--- EXTRACTED INFORMATION Enclosed Below ---
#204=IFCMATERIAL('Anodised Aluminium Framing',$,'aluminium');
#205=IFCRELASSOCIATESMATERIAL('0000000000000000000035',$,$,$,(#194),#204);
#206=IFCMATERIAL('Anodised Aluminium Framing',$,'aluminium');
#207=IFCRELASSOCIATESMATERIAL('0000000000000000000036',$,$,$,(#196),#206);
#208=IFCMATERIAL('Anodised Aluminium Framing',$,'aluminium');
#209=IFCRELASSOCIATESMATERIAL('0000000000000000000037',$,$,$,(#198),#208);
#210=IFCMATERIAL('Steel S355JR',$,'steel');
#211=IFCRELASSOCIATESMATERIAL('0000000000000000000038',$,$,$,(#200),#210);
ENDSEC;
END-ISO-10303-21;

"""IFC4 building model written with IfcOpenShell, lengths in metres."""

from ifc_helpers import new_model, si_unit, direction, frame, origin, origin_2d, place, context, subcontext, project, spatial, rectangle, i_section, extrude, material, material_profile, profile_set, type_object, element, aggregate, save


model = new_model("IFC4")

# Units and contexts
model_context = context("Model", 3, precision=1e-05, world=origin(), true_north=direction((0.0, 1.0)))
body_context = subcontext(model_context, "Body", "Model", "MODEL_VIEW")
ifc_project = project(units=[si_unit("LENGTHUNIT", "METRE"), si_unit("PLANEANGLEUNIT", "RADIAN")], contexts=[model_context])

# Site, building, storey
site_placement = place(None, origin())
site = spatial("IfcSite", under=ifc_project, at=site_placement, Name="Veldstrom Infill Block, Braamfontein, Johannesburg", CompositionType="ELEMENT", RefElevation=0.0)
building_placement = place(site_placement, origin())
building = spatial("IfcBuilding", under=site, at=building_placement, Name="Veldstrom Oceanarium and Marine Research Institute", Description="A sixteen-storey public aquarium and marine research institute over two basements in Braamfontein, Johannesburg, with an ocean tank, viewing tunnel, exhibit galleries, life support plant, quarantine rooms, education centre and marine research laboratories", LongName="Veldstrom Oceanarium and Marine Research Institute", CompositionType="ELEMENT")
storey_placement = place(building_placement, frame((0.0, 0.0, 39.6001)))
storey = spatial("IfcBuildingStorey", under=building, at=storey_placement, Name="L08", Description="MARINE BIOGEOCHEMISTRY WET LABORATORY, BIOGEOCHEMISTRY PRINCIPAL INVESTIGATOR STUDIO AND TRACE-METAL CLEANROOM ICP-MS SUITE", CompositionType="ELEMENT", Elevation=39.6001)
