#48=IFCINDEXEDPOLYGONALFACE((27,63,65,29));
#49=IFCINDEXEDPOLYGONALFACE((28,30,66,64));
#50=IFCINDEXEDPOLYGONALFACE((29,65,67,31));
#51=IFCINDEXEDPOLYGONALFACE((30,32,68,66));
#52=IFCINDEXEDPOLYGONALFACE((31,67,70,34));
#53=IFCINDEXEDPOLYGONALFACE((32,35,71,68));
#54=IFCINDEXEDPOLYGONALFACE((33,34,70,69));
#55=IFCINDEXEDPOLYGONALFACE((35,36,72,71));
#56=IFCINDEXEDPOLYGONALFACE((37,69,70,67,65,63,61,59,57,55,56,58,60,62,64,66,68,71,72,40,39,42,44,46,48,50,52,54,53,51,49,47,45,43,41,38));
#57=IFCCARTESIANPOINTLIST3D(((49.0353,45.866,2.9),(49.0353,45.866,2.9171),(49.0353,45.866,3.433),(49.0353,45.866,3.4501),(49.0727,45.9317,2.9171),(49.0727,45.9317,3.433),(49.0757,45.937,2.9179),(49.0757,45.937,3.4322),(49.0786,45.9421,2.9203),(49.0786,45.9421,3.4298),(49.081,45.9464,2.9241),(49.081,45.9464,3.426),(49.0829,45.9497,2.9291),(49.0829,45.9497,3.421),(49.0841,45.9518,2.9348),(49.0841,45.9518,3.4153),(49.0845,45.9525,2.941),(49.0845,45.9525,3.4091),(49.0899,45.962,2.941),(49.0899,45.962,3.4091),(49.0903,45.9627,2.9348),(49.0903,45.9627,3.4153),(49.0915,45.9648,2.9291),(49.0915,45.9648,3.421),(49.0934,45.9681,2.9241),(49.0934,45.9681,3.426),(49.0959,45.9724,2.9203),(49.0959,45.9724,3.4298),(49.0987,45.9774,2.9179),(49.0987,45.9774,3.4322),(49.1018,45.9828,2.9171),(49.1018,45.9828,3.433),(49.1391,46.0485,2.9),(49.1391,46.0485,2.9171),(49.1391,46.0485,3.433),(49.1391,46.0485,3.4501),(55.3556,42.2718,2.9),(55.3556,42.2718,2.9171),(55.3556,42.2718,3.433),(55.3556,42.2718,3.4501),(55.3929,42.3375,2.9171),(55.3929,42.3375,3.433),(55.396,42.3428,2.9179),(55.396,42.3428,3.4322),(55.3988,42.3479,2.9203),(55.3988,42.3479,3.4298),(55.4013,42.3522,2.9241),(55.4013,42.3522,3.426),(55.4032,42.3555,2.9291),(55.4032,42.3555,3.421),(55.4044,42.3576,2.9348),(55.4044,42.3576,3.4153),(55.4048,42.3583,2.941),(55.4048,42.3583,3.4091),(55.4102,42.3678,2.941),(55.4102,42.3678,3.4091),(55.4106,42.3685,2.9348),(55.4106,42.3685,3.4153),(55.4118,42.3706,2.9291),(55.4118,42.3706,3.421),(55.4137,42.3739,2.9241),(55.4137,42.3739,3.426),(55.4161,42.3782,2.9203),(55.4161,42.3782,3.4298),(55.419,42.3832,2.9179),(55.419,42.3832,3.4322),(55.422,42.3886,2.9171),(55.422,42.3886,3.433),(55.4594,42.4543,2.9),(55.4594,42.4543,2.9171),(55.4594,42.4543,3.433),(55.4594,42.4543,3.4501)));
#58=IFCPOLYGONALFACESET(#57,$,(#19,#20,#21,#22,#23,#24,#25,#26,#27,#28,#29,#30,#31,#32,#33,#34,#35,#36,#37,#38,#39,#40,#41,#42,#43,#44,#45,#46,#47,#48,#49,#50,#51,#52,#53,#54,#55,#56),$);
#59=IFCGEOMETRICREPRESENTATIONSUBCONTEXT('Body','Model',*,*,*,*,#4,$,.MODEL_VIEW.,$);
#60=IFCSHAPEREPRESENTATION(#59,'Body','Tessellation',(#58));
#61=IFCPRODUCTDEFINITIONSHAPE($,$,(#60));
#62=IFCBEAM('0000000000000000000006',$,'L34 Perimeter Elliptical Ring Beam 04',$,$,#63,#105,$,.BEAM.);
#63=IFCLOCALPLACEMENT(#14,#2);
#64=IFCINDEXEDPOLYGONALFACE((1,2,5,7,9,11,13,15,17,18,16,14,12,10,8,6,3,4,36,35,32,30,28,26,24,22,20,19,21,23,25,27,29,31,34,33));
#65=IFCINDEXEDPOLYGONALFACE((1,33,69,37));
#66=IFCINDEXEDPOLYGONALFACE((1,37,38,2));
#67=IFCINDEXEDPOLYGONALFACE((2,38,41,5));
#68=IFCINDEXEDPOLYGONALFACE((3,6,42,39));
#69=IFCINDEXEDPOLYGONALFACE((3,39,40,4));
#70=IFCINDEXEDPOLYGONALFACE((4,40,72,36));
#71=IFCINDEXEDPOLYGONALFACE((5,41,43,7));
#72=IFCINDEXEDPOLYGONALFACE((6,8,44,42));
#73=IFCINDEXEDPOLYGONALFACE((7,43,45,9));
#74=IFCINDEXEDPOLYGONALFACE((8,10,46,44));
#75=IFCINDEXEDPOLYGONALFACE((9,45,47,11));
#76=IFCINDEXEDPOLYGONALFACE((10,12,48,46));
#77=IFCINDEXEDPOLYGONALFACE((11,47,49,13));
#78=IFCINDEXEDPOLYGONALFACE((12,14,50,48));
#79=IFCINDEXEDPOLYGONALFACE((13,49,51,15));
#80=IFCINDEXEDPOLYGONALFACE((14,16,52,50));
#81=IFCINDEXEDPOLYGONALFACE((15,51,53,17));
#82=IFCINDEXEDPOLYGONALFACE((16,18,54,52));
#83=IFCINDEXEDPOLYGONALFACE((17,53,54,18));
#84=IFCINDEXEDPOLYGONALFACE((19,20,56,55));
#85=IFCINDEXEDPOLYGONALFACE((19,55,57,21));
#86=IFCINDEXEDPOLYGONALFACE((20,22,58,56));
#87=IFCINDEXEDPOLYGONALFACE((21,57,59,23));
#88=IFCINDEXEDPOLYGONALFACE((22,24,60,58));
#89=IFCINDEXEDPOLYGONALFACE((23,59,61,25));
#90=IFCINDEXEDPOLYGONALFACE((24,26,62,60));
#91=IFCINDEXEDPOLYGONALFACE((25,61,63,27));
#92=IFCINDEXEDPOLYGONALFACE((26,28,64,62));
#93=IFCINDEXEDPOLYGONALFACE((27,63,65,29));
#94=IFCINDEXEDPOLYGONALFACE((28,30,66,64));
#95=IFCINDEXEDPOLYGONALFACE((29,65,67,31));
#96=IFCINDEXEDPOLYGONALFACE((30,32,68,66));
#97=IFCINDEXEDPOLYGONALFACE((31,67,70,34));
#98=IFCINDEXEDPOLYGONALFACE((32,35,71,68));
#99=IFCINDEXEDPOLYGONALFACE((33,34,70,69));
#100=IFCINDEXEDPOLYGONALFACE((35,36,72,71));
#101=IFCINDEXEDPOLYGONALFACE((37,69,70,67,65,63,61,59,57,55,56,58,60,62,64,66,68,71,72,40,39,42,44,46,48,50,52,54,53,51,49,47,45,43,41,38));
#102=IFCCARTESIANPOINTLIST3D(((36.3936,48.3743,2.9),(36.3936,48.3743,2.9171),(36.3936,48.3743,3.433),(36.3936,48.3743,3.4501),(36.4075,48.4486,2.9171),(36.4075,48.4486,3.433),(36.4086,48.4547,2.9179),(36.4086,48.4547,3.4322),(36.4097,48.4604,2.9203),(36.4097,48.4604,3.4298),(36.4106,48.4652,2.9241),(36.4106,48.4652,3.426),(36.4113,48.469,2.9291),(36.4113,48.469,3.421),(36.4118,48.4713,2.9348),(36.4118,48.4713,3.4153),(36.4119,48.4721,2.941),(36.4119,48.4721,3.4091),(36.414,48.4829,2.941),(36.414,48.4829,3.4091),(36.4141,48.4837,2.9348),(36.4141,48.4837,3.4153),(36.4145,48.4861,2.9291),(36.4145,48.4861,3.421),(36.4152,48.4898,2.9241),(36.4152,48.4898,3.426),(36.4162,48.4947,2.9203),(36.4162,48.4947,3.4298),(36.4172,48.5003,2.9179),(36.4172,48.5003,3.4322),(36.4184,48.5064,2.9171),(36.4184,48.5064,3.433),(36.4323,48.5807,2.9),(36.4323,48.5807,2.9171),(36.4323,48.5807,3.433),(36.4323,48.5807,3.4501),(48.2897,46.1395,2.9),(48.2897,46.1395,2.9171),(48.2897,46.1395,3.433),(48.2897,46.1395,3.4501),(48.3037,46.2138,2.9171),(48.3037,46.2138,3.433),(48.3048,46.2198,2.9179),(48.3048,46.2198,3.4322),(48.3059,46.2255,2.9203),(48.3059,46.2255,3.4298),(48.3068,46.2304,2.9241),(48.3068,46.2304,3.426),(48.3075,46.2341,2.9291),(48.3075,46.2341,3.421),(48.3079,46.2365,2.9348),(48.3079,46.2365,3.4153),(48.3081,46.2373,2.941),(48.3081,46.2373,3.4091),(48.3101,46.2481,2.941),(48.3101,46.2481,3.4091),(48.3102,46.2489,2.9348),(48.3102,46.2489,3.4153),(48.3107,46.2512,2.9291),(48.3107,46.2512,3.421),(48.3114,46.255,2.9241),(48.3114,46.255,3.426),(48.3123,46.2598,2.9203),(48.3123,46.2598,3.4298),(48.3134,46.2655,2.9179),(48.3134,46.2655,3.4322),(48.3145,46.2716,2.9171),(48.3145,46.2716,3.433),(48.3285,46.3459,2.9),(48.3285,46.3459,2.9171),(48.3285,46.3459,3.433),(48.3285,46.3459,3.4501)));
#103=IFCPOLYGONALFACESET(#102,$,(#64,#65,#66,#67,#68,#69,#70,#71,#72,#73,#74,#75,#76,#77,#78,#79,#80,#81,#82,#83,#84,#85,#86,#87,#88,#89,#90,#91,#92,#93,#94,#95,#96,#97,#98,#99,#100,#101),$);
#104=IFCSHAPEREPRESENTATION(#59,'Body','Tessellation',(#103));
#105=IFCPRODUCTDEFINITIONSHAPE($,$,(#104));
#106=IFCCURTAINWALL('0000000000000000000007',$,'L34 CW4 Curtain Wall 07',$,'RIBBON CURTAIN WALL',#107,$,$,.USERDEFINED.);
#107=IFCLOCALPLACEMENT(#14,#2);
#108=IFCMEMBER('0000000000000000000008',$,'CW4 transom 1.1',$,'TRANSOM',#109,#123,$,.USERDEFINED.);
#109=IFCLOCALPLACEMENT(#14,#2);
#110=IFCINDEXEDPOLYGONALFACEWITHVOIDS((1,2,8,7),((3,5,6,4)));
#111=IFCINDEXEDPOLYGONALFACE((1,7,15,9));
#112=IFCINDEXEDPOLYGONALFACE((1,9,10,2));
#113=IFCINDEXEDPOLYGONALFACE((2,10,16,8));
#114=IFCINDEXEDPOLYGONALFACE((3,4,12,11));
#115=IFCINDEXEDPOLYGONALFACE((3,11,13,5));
--- End of Enclosed EXTRACTED INFORMATION ---
If the word "IFCSHAPEREPRESENTATION" appears in a line above, copy that line.

#60=IFCSHAPEREPRESENTATION(#59,'Body','Tessellation',(#58));
#104=IFCSHAPEREPRESENTATION(#59,'Body','Tessellation',(#103));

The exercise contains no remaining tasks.